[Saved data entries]
※ ※ ※

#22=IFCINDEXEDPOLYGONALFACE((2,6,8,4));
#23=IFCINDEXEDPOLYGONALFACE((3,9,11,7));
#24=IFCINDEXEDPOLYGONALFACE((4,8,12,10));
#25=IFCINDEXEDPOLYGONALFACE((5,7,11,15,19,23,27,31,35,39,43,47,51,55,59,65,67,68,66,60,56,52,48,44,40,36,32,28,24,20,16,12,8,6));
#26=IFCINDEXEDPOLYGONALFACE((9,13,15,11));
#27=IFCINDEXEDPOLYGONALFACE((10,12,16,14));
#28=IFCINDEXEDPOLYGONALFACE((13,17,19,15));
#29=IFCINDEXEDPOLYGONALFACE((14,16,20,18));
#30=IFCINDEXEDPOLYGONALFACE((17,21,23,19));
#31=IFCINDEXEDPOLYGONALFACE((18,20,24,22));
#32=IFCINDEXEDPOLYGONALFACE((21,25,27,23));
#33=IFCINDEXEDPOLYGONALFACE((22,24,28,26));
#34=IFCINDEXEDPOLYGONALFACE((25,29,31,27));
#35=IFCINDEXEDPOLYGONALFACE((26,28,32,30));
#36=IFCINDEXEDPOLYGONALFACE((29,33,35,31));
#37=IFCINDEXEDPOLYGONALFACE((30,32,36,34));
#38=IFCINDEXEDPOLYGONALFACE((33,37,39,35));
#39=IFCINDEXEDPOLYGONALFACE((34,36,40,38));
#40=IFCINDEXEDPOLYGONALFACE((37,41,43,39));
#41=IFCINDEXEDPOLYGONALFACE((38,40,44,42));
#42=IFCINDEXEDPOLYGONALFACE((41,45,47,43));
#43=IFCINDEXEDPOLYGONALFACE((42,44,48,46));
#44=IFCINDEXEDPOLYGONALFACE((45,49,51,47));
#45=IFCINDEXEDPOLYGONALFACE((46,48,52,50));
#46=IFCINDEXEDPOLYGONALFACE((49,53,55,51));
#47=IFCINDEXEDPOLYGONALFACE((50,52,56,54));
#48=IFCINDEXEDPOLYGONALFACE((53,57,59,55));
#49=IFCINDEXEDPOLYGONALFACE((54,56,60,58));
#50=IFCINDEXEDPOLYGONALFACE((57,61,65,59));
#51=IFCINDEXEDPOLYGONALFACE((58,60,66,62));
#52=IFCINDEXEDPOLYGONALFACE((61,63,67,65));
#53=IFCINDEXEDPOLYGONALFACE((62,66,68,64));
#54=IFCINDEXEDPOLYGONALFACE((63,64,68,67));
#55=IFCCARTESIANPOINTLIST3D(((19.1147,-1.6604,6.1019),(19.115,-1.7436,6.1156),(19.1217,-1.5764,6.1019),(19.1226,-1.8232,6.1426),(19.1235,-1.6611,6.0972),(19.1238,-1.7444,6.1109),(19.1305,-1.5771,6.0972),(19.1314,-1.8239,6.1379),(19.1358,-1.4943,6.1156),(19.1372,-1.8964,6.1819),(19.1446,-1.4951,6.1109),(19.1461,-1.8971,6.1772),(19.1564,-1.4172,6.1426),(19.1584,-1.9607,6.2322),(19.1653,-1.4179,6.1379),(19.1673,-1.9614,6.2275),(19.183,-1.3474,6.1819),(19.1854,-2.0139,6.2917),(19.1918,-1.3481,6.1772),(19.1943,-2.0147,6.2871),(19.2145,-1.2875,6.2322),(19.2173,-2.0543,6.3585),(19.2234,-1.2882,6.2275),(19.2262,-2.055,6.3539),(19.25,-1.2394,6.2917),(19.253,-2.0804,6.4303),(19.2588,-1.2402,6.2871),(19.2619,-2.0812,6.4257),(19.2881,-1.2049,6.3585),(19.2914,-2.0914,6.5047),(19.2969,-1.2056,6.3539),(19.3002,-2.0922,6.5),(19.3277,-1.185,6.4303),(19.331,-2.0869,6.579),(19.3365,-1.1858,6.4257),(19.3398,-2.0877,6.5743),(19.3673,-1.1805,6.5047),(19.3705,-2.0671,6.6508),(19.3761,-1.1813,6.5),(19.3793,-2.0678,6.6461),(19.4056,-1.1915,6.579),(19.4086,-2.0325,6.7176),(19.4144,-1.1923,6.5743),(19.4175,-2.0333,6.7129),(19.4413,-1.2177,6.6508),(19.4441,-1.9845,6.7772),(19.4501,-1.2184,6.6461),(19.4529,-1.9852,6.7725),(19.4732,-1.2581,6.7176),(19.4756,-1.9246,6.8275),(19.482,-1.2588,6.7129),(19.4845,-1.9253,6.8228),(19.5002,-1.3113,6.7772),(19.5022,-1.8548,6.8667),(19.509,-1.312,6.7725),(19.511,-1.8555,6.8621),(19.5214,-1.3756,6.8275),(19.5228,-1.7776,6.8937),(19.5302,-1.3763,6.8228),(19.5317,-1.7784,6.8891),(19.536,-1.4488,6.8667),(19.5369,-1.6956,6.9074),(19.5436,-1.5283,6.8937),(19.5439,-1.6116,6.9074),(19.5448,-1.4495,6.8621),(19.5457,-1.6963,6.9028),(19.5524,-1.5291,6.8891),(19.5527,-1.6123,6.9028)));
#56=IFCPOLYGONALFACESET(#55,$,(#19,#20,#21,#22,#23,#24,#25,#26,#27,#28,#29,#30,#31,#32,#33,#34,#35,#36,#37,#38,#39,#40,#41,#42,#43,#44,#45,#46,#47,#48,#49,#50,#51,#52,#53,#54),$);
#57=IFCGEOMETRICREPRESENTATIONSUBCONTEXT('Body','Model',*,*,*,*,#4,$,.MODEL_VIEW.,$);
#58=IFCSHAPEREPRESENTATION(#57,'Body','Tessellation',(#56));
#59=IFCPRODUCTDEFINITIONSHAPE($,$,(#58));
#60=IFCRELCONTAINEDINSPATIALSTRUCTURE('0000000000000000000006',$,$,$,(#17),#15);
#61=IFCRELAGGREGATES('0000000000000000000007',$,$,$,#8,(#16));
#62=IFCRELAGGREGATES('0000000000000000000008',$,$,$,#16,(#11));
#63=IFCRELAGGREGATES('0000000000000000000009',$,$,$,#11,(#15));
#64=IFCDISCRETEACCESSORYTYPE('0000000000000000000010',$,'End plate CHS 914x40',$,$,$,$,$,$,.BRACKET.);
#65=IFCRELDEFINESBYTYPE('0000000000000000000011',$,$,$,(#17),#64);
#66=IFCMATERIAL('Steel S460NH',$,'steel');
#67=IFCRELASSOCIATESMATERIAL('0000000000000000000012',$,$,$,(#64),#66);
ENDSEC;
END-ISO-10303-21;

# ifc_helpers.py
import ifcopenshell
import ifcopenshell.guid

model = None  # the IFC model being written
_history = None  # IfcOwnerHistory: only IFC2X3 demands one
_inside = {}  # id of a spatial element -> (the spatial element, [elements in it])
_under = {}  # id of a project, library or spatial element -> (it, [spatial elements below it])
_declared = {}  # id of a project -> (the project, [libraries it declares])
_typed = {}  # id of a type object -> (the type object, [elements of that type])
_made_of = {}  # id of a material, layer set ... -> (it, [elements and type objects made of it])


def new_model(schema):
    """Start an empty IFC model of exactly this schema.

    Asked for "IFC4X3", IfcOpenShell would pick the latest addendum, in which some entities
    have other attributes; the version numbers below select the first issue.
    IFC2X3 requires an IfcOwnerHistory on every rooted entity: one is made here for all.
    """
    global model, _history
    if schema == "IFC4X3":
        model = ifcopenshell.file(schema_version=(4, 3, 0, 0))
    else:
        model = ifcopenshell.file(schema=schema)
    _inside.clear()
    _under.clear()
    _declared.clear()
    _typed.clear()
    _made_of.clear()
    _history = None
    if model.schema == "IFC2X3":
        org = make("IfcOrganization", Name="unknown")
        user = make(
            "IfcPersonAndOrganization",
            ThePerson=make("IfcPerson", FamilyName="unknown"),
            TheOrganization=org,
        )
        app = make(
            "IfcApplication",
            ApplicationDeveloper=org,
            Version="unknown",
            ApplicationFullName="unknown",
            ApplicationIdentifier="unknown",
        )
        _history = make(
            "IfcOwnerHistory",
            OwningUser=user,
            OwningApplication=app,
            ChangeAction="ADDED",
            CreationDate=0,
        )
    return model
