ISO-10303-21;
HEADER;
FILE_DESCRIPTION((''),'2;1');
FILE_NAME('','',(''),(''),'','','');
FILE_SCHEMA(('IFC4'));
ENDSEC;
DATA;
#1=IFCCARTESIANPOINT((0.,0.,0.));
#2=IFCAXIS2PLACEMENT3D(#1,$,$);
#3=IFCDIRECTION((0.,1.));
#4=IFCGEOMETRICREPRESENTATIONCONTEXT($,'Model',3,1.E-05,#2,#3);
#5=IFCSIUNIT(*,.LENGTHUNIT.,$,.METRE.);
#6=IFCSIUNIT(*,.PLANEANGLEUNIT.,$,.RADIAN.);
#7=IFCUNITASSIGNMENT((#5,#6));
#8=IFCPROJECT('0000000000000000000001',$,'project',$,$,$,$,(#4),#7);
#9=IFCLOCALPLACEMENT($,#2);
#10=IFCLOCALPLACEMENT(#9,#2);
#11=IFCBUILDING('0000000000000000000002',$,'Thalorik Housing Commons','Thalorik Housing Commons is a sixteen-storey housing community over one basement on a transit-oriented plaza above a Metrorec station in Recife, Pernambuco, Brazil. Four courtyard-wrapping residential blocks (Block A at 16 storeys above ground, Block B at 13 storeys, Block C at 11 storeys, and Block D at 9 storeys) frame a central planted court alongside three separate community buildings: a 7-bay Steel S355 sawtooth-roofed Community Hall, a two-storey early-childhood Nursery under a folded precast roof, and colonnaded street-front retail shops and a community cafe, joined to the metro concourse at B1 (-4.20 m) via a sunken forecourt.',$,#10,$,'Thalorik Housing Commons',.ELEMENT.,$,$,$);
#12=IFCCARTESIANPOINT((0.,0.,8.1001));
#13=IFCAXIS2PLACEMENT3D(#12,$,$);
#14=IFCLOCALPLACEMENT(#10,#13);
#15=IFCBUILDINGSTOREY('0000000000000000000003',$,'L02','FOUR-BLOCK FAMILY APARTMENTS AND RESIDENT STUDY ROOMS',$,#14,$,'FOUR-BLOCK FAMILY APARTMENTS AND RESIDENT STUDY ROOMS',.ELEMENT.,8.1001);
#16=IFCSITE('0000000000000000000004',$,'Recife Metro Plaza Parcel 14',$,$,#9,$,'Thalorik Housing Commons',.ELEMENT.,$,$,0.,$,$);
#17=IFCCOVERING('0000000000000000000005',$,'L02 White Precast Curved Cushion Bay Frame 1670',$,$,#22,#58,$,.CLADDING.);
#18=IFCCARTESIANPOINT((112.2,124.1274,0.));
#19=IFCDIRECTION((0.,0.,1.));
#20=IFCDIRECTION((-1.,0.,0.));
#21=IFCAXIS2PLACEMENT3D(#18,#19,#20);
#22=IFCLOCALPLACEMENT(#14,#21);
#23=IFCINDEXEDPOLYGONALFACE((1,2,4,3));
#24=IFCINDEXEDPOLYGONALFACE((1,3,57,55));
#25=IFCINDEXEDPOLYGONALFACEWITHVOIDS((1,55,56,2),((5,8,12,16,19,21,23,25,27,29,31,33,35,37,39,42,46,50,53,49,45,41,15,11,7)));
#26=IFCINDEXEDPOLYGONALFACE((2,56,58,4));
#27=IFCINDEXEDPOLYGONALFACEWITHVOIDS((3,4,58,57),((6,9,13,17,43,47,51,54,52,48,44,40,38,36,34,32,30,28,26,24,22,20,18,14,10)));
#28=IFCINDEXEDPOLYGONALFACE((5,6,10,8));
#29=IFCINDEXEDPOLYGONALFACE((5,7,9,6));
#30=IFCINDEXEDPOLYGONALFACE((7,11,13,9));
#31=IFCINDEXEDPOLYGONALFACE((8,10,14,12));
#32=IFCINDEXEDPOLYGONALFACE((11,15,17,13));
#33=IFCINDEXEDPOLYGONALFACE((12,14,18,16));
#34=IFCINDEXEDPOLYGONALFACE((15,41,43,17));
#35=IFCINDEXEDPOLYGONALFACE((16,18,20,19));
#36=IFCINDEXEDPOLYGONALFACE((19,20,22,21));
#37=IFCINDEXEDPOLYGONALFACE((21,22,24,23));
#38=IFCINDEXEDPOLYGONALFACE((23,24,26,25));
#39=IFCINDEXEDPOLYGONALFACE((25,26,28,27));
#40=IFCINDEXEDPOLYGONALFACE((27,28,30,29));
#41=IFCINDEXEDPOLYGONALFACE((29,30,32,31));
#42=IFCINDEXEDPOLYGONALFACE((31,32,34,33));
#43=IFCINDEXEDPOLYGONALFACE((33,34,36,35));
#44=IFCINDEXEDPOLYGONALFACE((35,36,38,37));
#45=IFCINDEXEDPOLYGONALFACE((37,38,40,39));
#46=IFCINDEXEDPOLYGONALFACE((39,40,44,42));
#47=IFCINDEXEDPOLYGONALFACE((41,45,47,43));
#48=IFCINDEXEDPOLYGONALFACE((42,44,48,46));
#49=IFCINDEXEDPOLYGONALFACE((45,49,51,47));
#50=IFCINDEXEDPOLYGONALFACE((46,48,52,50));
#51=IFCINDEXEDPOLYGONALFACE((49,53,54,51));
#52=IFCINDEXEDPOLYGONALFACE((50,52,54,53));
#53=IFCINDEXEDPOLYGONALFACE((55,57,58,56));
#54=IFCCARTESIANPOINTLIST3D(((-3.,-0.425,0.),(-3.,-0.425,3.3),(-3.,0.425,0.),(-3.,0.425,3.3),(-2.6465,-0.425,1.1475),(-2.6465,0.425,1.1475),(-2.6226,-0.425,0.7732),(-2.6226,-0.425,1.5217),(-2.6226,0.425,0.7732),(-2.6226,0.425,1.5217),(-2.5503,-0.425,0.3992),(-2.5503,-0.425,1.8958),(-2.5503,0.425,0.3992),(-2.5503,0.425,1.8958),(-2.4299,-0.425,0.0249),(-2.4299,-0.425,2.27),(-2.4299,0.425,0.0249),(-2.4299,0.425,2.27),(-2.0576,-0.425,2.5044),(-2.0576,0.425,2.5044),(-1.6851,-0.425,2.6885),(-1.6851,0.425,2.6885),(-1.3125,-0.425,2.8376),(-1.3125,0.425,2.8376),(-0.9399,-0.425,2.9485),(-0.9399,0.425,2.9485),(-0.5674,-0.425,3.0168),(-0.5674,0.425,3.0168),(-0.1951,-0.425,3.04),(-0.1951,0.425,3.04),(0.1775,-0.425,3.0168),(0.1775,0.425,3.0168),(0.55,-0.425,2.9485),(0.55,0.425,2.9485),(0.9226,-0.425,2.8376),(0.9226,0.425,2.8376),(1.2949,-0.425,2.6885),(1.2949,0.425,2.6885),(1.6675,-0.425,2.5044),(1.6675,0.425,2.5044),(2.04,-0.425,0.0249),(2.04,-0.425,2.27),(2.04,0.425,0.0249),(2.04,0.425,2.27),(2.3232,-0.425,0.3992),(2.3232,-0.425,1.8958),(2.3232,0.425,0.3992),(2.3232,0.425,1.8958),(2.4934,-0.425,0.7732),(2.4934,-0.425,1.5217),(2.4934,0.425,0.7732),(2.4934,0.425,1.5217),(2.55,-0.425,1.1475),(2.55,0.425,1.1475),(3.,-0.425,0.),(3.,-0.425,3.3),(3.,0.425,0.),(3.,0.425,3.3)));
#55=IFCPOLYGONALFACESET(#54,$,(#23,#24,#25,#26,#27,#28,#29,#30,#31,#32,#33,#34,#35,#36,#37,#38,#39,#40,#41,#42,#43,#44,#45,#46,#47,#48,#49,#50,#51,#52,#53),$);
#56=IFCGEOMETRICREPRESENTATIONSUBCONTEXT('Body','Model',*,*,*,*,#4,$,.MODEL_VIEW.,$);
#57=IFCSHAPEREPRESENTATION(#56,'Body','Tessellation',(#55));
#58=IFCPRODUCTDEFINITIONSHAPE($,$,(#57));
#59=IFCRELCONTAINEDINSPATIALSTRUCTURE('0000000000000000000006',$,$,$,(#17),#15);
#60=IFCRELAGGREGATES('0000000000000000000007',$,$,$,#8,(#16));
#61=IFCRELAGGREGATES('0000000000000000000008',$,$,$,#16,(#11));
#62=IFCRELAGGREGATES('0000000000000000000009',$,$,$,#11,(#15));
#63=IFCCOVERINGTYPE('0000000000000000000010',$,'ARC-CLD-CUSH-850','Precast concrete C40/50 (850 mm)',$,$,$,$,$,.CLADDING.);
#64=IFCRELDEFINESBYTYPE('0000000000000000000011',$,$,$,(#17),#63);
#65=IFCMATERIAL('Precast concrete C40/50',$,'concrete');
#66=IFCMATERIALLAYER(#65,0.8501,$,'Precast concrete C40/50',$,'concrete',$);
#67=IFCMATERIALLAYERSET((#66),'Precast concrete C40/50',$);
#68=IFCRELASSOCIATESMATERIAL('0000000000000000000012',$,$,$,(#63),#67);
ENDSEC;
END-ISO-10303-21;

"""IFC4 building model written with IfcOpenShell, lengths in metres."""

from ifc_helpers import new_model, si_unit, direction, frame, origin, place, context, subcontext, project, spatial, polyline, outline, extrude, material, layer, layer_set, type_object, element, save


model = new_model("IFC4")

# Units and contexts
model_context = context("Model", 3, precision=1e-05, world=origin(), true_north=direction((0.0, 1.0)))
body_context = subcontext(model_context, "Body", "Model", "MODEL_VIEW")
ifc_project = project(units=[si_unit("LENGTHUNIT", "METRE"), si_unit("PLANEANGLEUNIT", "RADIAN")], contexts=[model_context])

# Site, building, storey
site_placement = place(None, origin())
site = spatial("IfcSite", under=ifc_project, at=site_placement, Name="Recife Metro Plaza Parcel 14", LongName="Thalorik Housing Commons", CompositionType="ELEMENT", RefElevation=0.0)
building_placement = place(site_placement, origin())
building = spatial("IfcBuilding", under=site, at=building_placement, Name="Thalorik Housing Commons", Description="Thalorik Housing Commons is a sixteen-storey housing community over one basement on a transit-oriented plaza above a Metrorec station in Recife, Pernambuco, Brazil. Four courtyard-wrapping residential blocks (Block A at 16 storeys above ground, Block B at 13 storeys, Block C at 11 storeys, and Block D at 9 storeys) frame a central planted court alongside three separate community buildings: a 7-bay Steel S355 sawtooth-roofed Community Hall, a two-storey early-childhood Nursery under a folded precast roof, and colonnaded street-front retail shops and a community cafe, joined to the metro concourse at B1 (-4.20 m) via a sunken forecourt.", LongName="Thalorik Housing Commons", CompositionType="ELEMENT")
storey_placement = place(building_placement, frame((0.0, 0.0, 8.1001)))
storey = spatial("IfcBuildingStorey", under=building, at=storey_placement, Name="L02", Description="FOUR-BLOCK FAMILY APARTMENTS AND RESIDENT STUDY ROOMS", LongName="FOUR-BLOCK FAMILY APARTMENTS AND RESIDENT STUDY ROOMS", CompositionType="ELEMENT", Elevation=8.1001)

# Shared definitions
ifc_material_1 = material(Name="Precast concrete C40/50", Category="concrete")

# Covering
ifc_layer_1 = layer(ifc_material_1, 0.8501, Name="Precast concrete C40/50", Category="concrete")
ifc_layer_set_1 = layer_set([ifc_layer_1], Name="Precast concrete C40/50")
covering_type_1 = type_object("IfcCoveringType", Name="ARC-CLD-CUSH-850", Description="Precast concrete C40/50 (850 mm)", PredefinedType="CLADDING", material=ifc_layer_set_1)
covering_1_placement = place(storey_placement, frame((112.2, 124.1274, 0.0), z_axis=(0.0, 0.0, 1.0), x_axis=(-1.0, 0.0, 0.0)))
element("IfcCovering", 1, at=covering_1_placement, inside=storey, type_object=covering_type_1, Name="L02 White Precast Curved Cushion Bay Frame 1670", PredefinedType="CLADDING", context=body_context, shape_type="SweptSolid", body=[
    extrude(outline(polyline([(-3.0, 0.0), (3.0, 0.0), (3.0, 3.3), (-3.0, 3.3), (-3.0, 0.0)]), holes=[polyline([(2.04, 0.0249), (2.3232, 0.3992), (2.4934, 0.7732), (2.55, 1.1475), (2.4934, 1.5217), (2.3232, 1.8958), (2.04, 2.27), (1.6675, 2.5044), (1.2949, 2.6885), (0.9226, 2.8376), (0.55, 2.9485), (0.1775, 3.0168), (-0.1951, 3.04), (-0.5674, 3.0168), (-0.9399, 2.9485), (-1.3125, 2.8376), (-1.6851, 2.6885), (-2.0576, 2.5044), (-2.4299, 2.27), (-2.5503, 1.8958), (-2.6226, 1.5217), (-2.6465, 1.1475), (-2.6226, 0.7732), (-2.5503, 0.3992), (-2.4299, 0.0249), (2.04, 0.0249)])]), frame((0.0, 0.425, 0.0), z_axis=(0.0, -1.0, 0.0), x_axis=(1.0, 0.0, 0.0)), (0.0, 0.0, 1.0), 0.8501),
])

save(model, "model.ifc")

※ ※ ※

- [What this task involves]: Beginning at the line above that contains "#44=IFCINDEXEDPOLYGONALFACE((35,36,38,37));", return each line exactly through the line that contains "#53=IFCINDEXEDPOLYGONALFACE((55,57,58,56));", and no others.

- [The answer]:
#44=IFCINDEXEDPOLYGONALFACE((35,36,38,37));
#45=IFCINDEXEDPOLYGONALFACE((37,38,40,39));
#46=IFCINDEXEDPOLYGONALFACE((39,40,44,42));
#47=IFCINDEXEDPOLYGONALFACE((41,45,47,43));
#48=IFCINDEXEDPOLYGONALFACE((42,44,48,46));
#49=IFCINDEXEDPOLYGONALFACE((45,49,51,47));
#50=IFCINDEXEDPOLYGONALFACE((46,48,52,50));
#51=IFCINDEXEDPOLYGONALFACE((49,53,54,51));
#52=IFCINDEXEDPOLYGONALFACE((50,52,54,53));
#53=IFCINDEXEDPOLYGONALFACE((55,57,58,56));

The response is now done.